Information given >>
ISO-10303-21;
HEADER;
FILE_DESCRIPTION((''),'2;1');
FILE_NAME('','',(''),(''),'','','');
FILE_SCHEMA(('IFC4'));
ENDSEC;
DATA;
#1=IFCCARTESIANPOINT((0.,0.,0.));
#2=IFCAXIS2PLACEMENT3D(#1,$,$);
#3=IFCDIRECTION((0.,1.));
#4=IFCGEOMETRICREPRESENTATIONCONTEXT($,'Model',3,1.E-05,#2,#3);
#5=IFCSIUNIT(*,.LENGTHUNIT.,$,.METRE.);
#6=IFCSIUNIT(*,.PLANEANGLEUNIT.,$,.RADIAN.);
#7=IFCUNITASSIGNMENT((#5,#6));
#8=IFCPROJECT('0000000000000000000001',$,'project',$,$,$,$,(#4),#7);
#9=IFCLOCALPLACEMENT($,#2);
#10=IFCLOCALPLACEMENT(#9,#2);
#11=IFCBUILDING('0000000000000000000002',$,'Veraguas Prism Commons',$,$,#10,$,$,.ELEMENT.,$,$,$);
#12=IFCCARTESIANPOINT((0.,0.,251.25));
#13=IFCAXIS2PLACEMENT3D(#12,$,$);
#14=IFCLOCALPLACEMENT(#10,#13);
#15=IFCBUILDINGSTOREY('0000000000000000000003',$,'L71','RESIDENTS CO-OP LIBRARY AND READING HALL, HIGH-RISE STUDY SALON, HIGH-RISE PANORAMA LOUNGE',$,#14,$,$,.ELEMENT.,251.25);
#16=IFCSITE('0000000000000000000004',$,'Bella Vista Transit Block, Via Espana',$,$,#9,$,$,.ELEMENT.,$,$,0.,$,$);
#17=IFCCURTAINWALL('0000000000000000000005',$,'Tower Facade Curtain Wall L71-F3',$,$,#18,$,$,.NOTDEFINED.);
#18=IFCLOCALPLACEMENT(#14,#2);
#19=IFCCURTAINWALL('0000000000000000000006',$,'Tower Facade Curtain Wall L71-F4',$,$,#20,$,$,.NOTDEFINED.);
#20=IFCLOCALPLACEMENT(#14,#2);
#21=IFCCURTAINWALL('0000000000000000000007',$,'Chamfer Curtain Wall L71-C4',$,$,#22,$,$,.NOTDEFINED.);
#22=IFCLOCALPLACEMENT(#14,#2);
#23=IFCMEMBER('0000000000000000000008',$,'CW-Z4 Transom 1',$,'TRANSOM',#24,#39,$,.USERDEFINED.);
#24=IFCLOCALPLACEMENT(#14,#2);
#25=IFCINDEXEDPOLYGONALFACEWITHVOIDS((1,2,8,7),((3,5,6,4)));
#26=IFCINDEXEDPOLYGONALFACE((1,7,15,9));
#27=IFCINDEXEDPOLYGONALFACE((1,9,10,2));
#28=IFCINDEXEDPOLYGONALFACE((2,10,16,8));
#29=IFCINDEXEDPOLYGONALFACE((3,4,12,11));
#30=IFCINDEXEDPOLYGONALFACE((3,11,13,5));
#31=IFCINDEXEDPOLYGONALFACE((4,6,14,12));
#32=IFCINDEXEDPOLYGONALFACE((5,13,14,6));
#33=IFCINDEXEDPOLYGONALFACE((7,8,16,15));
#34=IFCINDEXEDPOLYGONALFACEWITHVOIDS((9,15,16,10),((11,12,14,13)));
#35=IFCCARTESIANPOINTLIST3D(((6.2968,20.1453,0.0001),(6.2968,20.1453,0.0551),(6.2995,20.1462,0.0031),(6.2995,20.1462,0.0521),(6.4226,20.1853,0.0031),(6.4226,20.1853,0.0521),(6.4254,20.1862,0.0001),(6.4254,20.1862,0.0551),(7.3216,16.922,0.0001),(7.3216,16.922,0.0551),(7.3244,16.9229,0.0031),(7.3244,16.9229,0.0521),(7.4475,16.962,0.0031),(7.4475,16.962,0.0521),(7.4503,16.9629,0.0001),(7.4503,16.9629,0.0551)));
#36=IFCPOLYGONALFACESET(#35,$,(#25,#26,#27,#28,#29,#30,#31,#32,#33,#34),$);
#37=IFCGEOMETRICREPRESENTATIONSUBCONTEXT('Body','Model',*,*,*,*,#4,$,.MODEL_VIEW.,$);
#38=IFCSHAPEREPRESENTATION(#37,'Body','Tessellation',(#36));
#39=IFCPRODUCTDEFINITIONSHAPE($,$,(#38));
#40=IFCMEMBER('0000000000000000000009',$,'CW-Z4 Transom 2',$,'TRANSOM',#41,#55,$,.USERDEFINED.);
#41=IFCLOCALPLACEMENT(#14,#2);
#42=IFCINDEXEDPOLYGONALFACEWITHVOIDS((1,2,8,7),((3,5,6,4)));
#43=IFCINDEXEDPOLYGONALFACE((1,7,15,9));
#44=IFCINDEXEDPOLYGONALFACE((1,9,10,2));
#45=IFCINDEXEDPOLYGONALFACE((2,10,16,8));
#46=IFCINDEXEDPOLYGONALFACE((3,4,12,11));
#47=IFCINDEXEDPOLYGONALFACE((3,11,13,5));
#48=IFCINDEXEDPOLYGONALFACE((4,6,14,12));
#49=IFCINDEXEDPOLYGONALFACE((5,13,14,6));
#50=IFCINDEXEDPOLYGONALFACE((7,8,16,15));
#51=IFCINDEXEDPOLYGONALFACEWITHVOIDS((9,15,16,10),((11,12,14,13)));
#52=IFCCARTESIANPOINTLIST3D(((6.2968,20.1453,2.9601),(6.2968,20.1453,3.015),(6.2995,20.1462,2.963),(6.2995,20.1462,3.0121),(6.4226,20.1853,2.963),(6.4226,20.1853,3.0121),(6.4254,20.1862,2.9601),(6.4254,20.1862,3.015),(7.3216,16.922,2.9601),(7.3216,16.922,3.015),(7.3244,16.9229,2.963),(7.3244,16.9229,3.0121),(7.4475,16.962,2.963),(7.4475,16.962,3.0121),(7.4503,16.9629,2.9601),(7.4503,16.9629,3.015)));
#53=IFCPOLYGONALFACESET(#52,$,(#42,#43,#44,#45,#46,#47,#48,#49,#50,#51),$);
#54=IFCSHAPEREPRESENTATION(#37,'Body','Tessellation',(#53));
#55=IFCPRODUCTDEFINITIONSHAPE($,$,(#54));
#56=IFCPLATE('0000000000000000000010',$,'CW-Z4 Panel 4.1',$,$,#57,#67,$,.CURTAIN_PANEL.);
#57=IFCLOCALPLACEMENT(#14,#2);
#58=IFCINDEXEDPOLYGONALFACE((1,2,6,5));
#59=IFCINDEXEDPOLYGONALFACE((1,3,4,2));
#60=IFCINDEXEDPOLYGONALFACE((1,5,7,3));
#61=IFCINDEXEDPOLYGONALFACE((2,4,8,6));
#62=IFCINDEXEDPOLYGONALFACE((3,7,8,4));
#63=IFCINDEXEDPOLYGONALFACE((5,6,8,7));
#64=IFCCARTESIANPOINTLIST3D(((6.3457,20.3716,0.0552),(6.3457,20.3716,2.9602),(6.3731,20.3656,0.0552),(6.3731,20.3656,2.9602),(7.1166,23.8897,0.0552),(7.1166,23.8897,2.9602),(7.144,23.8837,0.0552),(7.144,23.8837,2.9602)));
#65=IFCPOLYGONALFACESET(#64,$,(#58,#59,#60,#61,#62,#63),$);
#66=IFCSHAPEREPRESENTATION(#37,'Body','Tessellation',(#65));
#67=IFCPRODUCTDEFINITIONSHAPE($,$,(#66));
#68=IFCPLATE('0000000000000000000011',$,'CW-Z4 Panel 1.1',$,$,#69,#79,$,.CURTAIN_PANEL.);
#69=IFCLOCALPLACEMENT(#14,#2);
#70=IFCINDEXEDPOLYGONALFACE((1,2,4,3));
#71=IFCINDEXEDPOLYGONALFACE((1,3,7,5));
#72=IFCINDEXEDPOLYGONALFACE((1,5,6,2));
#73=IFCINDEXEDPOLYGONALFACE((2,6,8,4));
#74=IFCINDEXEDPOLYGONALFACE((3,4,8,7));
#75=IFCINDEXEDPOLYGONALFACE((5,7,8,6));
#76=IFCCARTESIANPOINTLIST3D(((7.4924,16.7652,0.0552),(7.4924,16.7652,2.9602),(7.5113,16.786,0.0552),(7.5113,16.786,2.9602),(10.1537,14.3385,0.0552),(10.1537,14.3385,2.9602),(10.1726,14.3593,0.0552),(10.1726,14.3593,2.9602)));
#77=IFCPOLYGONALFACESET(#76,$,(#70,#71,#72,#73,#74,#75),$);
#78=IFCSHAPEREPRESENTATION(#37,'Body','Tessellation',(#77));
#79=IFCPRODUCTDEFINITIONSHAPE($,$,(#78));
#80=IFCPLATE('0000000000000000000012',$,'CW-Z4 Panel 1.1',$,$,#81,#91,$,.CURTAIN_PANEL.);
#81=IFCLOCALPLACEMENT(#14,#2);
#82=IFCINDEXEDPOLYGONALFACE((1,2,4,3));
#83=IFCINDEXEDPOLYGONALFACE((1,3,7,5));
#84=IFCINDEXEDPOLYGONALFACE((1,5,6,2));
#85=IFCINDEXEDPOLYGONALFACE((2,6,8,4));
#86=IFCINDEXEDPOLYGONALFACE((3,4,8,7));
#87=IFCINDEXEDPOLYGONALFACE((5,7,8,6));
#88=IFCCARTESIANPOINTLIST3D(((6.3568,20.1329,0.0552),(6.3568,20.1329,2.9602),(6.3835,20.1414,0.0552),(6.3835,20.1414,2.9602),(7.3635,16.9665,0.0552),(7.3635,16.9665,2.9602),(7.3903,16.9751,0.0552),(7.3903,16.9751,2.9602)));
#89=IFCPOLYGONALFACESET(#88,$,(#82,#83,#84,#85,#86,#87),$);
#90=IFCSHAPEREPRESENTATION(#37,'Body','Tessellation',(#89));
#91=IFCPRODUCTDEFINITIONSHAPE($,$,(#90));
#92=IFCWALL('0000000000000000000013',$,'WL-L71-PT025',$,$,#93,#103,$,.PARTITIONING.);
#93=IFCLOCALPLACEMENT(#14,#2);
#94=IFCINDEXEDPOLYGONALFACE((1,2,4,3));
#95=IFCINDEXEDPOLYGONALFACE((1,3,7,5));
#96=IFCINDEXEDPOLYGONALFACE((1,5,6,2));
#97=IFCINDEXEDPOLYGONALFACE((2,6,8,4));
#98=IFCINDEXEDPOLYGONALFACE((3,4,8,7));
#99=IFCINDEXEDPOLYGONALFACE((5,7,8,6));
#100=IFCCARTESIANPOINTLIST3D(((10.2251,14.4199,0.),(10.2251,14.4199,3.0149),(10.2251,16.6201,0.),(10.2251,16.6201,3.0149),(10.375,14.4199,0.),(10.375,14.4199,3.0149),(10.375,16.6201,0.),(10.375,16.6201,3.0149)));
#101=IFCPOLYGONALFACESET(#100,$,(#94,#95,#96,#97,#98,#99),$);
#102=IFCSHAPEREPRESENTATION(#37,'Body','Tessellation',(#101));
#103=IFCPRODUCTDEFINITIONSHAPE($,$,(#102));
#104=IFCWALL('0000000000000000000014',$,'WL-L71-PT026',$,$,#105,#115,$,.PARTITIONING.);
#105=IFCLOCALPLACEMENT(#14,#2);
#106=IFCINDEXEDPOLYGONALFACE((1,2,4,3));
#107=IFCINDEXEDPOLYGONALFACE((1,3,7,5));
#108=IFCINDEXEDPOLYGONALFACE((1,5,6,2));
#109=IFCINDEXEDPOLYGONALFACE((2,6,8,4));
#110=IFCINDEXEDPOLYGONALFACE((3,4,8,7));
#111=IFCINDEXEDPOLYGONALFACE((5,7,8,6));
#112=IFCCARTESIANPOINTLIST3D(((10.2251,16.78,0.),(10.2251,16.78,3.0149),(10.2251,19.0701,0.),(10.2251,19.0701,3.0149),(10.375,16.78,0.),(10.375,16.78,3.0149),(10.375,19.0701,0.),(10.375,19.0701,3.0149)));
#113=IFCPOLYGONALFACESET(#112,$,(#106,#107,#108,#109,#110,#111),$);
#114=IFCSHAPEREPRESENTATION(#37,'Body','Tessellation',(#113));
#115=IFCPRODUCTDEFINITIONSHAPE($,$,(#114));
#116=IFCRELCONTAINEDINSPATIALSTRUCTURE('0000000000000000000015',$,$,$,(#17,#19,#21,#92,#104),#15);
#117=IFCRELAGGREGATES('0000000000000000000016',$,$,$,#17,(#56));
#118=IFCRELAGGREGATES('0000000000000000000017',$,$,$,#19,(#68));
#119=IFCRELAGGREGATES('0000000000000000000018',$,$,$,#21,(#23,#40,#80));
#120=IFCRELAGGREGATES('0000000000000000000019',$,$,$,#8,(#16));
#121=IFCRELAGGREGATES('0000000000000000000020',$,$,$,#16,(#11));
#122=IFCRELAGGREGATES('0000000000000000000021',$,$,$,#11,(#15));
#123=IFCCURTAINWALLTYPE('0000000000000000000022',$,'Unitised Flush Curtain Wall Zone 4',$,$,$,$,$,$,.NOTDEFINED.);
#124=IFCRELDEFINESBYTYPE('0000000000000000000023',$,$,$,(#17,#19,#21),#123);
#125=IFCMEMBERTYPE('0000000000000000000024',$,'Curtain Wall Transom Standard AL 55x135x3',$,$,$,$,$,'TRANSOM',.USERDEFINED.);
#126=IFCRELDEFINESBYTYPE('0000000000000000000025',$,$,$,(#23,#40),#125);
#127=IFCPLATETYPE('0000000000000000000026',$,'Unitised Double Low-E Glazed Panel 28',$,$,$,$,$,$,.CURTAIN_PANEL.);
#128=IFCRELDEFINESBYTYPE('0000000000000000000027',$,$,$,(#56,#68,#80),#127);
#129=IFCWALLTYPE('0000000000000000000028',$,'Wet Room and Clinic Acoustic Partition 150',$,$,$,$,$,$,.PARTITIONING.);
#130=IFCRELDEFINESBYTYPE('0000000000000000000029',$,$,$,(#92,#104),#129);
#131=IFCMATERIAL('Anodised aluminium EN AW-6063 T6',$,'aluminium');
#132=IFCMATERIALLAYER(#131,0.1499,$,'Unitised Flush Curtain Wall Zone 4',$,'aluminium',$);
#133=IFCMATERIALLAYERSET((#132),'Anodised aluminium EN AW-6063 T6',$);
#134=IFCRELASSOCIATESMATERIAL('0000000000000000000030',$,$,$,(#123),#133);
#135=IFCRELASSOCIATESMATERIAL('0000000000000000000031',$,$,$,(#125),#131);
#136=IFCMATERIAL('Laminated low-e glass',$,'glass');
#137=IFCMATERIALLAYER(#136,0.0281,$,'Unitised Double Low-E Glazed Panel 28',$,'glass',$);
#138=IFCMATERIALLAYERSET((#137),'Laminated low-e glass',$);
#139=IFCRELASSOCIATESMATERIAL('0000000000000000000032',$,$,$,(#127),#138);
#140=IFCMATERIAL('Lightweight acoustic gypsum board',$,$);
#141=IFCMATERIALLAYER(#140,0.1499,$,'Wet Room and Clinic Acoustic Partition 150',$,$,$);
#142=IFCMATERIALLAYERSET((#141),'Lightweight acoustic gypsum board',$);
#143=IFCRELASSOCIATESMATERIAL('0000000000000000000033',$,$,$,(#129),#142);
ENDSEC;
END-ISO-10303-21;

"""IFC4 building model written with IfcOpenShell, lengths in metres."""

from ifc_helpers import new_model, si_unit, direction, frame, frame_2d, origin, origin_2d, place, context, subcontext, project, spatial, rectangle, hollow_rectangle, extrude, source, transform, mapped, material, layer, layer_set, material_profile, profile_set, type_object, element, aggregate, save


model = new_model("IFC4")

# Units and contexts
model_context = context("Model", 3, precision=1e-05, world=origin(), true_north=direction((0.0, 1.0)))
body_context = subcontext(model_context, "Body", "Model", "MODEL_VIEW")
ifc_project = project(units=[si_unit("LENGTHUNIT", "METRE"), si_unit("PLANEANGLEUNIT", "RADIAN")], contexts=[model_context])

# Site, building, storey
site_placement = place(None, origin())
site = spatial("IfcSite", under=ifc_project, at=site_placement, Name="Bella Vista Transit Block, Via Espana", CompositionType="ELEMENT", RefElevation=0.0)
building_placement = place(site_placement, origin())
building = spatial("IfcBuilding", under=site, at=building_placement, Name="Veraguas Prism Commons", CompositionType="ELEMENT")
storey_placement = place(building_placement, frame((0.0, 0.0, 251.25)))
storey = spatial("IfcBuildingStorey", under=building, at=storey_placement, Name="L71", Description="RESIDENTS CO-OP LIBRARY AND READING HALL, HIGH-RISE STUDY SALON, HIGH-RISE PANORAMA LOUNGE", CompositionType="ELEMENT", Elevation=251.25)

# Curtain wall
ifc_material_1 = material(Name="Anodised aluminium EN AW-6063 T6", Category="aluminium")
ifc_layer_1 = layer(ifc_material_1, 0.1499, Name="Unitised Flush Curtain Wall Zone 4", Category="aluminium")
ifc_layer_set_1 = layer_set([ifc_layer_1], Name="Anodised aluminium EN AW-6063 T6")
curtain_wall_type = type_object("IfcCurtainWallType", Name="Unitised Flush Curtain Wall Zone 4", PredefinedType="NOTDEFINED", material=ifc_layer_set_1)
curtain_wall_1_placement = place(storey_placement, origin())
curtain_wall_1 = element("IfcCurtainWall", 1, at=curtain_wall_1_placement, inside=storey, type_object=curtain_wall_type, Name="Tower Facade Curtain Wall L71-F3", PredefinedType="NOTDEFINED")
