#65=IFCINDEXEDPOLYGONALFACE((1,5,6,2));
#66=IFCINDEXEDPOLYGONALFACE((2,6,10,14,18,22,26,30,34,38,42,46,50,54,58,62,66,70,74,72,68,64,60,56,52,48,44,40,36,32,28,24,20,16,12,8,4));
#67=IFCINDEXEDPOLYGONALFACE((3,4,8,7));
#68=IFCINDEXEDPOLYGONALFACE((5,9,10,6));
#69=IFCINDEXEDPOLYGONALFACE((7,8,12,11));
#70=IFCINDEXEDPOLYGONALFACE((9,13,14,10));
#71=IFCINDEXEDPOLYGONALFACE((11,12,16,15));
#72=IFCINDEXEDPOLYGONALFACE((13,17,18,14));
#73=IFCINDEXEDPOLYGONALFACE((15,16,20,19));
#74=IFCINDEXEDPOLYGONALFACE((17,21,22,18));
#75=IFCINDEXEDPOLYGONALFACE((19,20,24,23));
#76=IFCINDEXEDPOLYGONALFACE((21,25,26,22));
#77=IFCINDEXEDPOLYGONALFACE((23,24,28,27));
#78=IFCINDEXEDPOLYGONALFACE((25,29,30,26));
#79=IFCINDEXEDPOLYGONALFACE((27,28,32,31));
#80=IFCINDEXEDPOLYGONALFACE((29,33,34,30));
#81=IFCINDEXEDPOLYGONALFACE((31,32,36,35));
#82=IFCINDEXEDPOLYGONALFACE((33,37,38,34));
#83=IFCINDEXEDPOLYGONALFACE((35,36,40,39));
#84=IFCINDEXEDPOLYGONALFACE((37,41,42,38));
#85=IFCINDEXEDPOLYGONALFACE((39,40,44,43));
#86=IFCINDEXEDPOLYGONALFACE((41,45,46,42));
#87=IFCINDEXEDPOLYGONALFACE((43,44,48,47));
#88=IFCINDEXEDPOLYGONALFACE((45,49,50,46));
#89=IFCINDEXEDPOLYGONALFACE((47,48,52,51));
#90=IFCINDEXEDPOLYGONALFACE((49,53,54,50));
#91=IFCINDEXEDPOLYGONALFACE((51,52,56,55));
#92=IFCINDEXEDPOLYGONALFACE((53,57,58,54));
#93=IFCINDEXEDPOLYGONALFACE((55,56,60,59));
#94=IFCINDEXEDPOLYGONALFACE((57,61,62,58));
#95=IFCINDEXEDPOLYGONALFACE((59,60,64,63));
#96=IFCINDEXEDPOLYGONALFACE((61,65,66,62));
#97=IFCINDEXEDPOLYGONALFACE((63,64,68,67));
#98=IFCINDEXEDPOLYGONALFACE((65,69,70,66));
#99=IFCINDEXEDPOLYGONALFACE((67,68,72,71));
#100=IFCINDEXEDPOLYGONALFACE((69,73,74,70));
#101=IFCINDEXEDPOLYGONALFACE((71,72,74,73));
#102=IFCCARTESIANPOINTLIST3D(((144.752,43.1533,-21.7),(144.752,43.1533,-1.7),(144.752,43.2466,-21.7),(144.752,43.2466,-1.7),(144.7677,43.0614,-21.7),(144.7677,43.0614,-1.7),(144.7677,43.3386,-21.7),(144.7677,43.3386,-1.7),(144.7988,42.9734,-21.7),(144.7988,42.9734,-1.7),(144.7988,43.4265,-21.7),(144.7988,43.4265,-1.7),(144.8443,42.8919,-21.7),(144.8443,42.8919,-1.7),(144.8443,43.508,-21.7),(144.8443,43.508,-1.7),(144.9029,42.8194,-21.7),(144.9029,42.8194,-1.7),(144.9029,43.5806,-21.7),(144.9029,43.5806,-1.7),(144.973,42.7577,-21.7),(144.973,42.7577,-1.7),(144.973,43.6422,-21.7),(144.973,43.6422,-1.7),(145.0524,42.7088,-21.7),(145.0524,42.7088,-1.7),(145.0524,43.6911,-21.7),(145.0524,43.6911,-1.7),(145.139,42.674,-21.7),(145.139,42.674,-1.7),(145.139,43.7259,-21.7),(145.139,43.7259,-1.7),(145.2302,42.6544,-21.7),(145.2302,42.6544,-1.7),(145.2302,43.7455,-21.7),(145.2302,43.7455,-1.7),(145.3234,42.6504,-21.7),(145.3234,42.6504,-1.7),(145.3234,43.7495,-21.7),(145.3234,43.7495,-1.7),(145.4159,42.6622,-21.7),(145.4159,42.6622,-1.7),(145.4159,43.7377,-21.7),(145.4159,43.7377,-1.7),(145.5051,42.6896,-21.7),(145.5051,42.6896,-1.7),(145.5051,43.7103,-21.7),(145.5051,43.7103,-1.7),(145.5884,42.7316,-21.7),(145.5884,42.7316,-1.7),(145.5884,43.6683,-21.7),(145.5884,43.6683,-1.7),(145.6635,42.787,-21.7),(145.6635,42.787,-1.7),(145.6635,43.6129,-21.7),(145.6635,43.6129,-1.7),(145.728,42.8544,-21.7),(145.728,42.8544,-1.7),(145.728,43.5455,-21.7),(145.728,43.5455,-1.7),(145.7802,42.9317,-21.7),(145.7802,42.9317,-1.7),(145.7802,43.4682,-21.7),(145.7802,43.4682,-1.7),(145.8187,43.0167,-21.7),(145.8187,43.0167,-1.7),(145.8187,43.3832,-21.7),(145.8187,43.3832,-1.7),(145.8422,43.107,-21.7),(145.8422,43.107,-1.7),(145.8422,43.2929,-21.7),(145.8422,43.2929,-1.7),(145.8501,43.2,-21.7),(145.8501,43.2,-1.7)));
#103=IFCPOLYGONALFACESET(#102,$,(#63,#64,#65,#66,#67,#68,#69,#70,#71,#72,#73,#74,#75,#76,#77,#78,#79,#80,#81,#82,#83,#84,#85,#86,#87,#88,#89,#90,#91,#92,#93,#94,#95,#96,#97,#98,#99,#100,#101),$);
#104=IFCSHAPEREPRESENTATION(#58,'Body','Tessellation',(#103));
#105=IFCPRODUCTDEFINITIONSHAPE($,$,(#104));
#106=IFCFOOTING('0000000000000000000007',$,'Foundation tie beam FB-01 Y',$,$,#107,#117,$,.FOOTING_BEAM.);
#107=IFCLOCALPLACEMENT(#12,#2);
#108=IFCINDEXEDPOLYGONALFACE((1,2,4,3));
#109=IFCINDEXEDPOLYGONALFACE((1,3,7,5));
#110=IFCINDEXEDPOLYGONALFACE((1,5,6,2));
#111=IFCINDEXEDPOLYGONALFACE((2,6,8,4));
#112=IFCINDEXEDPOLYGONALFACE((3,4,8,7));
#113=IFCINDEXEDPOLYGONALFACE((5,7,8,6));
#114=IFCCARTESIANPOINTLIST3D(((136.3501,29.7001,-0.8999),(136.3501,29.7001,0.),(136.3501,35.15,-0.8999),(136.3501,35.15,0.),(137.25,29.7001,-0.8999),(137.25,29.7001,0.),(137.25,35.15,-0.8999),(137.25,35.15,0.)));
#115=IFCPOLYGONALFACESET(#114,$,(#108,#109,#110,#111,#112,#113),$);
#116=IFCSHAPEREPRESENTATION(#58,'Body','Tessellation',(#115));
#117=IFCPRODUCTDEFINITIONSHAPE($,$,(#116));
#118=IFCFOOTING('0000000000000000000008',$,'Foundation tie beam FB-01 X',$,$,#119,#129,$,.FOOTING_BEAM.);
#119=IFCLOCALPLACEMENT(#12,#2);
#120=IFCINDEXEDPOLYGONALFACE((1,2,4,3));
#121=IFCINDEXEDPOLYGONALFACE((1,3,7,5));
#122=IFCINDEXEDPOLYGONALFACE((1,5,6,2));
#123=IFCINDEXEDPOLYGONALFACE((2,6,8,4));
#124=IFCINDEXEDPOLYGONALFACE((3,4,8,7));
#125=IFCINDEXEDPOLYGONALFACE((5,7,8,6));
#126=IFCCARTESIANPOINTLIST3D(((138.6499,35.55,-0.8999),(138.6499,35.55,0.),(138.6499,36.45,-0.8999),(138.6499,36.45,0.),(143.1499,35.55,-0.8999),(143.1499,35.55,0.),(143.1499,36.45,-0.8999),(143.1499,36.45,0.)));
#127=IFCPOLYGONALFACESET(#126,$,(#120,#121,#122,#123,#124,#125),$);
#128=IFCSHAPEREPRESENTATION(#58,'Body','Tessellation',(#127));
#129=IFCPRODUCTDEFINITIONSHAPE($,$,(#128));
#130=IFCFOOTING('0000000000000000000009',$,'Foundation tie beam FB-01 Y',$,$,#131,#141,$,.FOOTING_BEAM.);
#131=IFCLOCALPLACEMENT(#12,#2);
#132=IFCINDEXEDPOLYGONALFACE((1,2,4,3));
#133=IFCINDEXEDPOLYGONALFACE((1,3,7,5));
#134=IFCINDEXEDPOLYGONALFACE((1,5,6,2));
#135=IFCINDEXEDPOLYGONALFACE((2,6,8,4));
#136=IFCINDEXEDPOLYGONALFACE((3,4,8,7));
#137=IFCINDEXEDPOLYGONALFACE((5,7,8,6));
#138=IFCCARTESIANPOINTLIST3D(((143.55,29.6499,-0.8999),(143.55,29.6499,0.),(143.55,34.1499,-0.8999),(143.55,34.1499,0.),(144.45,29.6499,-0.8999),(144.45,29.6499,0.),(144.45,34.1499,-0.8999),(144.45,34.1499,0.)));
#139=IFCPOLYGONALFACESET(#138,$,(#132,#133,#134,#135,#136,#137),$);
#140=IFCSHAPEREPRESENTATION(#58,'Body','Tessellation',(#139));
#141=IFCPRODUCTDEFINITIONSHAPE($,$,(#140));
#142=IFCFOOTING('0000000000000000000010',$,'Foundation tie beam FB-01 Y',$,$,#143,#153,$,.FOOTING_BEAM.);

Exercise brief >>
Reproduce the entries above exactly, but only the lines between the line holding "#20=IFCLOCALPLACEMENT(#14,#2);" and the line holding "#26=IFCINDEXEDPOLYGONALFACE((1,7,15,9));", inclusive.

Result of the task >>
#20=IFCLOCALPLACEMENT(#14,#2);
#21=IFCCURTAINWALL('0000000000000000000007',$,'Chamfer Curtain Wall L71-C4',$,$,#22,$,$,.NOTDEFINED.);
#22=IFCLOCALPLACEMENT(#14,#2);
#23=IFCMEMBER('0000000000000000000008',$,'CW-Z4 Transom 1',$,'TRANSOM',#24,#39,$,.USERDEFINED.);
#24=IFCLOCALPLACEMENT(#14,#2);
#25=IFCINDEXEDPOLYGONALFACEWITHVOIDS((1,2,8,7),((3,5,6,4)));
#26=IFCINDEXEDPOLYGONALFACE((1,7,15,9));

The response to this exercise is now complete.